[Stored records]
*** Block opens ***
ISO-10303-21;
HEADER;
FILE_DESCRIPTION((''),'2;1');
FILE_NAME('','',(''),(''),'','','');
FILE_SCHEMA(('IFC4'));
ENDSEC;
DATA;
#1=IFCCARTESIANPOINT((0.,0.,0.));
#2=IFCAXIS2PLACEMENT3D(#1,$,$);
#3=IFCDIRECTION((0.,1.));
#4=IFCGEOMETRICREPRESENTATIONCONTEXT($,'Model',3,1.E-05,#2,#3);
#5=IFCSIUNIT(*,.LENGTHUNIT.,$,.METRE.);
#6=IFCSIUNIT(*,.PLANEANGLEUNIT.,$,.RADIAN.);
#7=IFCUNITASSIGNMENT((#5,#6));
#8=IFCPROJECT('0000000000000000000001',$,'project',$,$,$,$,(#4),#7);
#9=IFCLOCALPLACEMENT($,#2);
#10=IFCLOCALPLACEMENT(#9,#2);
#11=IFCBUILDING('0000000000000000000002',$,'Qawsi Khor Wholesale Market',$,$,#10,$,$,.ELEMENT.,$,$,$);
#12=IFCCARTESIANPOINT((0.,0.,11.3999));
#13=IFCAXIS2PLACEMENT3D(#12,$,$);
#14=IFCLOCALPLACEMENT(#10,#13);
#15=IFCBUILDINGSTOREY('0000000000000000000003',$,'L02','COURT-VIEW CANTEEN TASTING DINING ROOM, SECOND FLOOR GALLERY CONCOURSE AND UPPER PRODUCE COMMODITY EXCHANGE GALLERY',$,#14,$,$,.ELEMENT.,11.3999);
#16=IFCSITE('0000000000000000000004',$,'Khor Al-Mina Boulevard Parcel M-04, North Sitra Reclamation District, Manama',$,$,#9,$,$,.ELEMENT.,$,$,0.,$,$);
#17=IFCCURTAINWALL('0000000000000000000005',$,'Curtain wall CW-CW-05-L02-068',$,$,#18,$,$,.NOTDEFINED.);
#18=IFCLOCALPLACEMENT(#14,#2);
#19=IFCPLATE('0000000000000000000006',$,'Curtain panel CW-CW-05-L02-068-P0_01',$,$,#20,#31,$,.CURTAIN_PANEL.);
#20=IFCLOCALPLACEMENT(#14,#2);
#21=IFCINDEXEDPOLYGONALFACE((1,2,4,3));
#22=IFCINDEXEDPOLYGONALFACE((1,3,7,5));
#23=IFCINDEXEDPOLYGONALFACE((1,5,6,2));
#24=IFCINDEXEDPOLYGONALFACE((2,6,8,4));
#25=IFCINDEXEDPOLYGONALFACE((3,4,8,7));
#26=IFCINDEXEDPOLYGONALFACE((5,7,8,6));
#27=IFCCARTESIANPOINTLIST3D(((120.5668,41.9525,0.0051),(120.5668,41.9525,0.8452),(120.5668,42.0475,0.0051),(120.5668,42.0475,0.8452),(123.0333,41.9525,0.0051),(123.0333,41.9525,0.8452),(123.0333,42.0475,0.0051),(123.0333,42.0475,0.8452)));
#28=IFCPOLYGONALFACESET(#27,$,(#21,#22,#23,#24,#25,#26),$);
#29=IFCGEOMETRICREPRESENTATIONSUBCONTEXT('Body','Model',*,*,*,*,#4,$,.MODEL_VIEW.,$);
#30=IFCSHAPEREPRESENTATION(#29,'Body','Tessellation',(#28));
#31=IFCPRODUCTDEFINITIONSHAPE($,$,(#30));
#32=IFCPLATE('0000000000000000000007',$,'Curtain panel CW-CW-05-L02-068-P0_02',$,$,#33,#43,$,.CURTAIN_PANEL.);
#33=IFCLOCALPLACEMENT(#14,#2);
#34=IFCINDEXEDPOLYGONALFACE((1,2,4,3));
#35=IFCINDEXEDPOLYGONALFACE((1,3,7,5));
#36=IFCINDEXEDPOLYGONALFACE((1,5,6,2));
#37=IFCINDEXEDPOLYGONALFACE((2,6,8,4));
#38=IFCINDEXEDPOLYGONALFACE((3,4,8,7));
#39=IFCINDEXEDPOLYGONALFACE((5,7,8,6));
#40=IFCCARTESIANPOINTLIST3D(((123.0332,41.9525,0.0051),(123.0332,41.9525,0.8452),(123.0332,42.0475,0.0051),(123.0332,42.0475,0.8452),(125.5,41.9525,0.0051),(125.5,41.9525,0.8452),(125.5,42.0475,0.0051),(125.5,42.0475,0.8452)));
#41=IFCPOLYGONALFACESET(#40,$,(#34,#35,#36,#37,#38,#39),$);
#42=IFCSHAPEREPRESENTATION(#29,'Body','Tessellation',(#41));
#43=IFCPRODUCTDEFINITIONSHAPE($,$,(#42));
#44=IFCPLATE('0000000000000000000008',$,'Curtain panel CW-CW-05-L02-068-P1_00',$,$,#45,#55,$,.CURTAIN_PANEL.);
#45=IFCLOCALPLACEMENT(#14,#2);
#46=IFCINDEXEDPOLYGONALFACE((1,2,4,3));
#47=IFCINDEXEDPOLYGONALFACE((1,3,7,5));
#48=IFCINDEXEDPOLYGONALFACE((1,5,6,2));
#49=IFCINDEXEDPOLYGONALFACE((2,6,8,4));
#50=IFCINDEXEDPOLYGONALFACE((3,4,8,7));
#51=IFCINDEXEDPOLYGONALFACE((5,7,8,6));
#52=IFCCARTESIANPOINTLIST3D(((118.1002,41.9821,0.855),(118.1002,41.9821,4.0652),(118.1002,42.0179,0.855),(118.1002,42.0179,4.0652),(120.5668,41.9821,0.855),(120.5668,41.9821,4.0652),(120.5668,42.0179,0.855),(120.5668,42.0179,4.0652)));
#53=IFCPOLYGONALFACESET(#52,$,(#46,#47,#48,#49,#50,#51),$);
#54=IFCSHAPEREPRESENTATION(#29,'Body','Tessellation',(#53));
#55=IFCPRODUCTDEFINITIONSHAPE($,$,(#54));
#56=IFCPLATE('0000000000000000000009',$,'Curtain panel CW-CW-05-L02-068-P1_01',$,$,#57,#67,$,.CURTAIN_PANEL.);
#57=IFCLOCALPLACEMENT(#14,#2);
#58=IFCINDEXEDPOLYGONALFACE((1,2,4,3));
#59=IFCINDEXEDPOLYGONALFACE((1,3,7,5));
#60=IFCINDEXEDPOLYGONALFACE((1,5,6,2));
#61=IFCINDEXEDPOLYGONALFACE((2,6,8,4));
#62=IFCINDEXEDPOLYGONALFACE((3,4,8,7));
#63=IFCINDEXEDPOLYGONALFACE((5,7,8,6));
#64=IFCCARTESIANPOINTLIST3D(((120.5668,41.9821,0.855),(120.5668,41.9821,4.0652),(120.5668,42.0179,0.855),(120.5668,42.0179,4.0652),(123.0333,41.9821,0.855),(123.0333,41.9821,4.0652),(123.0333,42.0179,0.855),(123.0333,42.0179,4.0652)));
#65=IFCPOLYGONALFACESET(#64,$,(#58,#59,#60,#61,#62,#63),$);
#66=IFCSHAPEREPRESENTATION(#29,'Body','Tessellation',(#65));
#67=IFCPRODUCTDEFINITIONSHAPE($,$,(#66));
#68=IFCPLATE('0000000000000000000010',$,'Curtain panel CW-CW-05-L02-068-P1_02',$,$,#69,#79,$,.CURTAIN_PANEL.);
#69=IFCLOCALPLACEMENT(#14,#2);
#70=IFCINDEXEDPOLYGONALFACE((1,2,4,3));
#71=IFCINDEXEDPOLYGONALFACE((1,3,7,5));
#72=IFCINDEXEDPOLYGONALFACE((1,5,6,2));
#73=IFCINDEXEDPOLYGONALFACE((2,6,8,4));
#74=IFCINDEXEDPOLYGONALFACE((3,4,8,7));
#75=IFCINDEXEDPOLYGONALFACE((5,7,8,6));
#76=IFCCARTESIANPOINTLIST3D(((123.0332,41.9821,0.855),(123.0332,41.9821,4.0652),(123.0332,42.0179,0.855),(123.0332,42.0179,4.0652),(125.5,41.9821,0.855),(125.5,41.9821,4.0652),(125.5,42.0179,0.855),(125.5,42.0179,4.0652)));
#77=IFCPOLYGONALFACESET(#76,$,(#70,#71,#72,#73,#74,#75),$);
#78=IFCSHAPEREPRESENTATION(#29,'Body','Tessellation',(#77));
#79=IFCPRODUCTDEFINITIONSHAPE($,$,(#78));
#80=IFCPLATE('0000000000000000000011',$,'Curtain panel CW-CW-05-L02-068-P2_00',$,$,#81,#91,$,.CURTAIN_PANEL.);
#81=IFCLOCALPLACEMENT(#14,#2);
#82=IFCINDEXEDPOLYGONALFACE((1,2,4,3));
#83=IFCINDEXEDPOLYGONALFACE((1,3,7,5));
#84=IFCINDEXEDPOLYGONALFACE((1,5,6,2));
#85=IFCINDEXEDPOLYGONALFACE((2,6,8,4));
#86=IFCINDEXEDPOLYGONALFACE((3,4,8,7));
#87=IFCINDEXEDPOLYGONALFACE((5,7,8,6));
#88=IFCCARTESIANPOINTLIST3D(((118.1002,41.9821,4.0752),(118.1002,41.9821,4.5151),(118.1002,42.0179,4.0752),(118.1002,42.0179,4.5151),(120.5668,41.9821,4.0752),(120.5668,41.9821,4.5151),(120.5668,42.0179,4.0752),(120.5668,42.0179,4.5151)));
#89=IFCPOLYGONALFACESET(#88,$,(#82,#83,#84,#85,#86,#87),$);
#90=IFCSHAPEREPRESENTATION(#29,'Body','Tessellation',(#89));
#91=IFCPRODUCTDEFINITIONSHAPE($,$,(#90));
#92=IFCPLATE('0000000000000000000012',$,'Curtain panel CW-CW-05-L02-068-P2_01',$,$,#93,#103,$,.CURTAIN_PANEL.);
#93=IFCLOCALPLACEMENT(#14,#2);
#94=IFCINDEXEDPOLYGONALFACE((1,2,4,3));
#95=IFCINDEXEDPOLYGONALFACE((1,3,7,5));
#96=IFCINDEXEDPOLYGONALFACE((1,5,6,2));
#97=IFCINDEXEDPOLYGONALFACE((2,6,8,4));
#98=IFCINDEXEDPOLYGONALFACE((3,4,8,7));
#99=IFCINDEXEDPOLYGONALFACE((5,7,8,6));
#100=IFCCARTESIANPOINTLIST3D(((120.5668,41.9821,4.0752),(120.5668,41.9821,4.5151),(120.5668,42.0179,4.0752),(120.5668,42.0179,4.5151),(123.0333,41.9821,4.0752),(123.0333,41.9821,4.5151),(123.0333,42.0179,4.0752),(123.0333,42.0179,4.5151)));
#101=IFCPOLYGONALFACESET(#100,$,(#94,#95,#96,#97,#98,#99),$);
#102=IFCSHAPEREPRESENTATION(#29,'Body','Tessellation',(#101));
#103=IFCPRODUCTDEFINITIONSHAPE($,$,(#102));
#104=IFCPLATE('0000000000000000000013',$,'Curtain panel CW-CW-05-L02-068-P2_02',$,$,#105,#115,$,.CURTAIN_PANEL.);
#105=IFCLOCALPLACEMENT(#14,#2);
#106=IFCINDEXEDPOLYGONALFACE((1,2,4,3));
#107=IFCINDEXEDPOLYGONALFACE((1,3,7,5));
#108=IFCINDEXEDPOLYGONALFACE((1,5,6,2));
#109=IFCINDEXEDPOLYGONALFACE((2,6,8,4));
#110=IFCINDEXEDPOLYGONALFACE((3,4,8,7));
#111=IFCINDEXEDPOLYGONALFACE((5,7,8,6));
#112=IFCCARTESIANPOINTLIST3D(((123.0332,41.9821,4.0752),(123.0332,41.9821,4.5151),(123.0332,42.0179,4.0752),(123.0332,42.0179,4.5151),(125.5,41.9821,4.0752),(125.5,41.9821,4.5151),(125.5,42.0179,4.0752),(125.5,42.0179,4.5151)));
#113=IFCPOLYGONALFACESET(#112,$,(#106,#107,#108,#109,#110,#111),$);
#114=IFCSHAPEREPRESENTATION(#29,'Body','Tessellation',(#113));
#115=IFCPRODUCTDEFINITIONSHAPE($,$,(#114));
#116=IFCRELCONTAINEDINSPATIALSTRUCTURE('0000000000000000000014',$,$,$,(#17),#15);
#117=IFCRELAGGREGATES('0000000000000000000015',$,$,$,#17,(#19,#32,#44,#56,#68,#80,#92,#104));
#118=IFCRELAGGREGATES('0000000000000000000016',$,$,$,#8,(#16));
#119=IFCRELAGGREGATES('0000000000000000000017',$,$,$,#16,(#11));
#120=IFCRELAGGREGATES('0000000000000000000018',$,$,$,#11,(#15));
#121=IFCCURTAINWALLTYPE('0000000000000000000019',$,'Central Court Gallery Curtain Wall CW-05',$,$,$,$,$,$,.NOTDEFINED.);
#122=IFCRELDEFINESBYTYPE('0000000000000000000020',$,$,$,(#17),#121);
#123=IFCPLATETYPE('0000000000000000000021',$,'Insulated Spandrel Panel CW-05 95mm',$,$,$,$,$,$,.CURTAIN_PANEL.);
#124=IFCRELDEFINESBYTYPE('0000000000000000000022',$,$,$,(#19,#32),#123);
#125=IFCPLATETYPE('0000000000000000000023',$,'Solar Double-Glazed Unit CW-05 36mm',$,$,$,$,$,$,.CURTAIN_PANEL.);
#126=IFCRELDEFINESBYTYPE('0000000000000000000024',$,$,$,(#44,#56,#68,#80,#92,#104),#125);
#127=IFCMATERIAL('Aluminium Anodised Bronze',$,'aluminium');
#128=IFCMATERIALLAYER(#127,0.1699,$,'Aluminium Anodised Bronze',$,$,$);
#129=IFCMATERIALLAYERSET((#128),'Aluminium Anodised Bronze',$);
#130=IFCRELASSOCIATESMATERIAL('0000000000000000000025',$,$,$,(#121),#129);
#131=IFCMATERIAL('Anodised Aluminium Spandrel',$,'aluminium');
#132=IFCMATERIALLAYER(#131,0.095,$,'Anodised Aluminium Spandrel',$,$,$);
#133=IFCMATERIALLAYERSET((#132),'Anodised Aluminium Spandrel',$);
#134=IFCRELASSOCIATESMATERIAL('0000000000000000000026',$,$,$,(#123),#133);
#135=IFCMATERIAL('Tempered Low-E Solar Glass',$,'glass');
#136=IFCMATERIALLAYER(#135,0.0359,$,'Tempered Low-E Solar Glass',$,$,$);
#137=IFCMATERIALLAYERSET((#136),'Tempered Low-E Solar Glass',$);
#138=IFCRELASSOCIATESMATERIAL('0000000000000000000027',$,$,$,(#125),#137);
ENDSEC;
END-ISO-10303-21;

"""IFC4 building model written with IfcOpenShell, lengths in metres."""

from ifc_helpers import new_model, si_unit, direction, frame, frame_2d, origin, place, context, subcontext, project, spatial, rectangle, extrude, material, layer, layer_set, type_object, element, aggregate, save


model = new_model("IFC4")

# Units and contexts
model_context = context("Model", 3, precision=1e-05, world=origin(), true_north=direction((0.0, 1.0)))
body_context = subcontext(model_context, "Body", "Model", "MODEL_VIEW")
ifc_project = project(units=[si_unit("LENGTHUNIT", "METRE"), si_unit("PLANEANGLEUNIT", "RADIAN")], contexts=[model_context])

# Site, building, storey
site_placement = place(None, origin())
site = spatial("IfcSite", under=ifc_project, at=site_placement, Name="Khor Al-Mina Boulevard Parcel M-04, North Sitra Reclamation District, Manama", CompositionType="ELEMENT", RefElevation=0.0)
building_placement = place(site_placement, origin())
building = spatial("IfcBuilding", under=site, at=building_placement, Name="Qawsi Khor Wholesale Market", CompositionType="ELEMENT")
storey_placement = place(building_placement, frame((0.0, 0.0, 11.3999)))
storey = spatial("IfcBuildingStorey", under=building, at=storey_placement, Name="L02", Description="COURT-VIEW CANTEEN TASTING DINING ROOM, SECOND FLOOR GALLERY CONCOURSE AND UPPER PRODUCE COMMODITY EXCHANGE GALLERY", CompositionType="ELEMENT", Elevation=11.3999)

# Curtain wall, plates
ifc_material_1 = material(Name="Aluminium Anodised Bronze", Category="aluminium")
ifc_layer_1 = layer(ifc_material_1, 0.1699, Name="Aluminium Anodised Bronze")
ifc_layer_set_1 = layer_set([ifc_layer_1], Name="Aluminium Anodised Bronze")
curtain_wall_type = type_object("IfcCurtainWallType", Name="Central Court Gallery Curtain Wall CW-05", PredefinedType="NOTDEFINED", material=ifc_layer_set_1)
curtain_wall_placement = place(storey_placement, origin())
curtain_wall = element("IfcCurtainWall", 1, at=curtain_wall_placement, inside=storey, type_object=curtain_wall_type, Name="Curtain wall CW-CW-05-L02-068", PredefinedType="NOTDEFINED")
ifc_material_2 = material(Name="Anodised Aluminium Spandrel", Category="aluminium")
ifc_layer_2 = layer(ifc_material_2, 0.095, Name="Anodised Aluminium Spandrel")
ifc_layer_set_2 = layer_set([ifc_layer_2], Name="Anodised Aluminium Spandrel")
plate_type_1 = type_object("IfcPlateType", Name="Insulated Spandrel Panel CW-05 95mm", PredefinedType="CURTAIN_PANEL", material=ifc_layer_set_2)
plate_1_placement = place(storey_placement, frame((120.5667, 42.0, 0.0051), z_axis=(0.0, 0.0, 1.0), x_axis=(1.0, 0.0, 0.0)))
plate_1 = element("IfcPlate", 2, at=plate_1_placement, type_object=plate_type_1, Name="Curtain panel CW-CW-05-L02-068-P0_01", PredefinedType="CURTAIN_PANEL", context=body_context, shape_type="SweptSolid", body=[
    extrude(rectangle(XDim=2.4666, YDim=0.095, at=frame_2d((1.2334, 0.0))), origin(), (0.0, 0.0, 1.0), 0.8401),
])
*** Block closes ***
**What you will do**
Set every line down again exactly. Begin with the first line of the entries and finish with the line containing "#4=IFCGEOMETRICREPRESENTATIONCONTEXT($,'Model',3,1.E-05,#2,#3);".

**Exercise response**
ISO-10303-21;
HEADER;
FILE_DESCRIPTION((''),'2;1');
FILE_NAME('','',(''),(''),'','','');
FILE_SCHEMA(('IFC4'));
ENDSEC;
DATA;
#1=IFCCARTESIANPOINT((0.,0.,0.));
#2=IFCAXIS2PLACEMENT3D(#1,$,$);
#3=IFCDIRECTION((0.,1.));
#4=IFCGEOMETRICREPRESENTATIONCONTEXT($,'Model',3,1.E-05,#2,#3);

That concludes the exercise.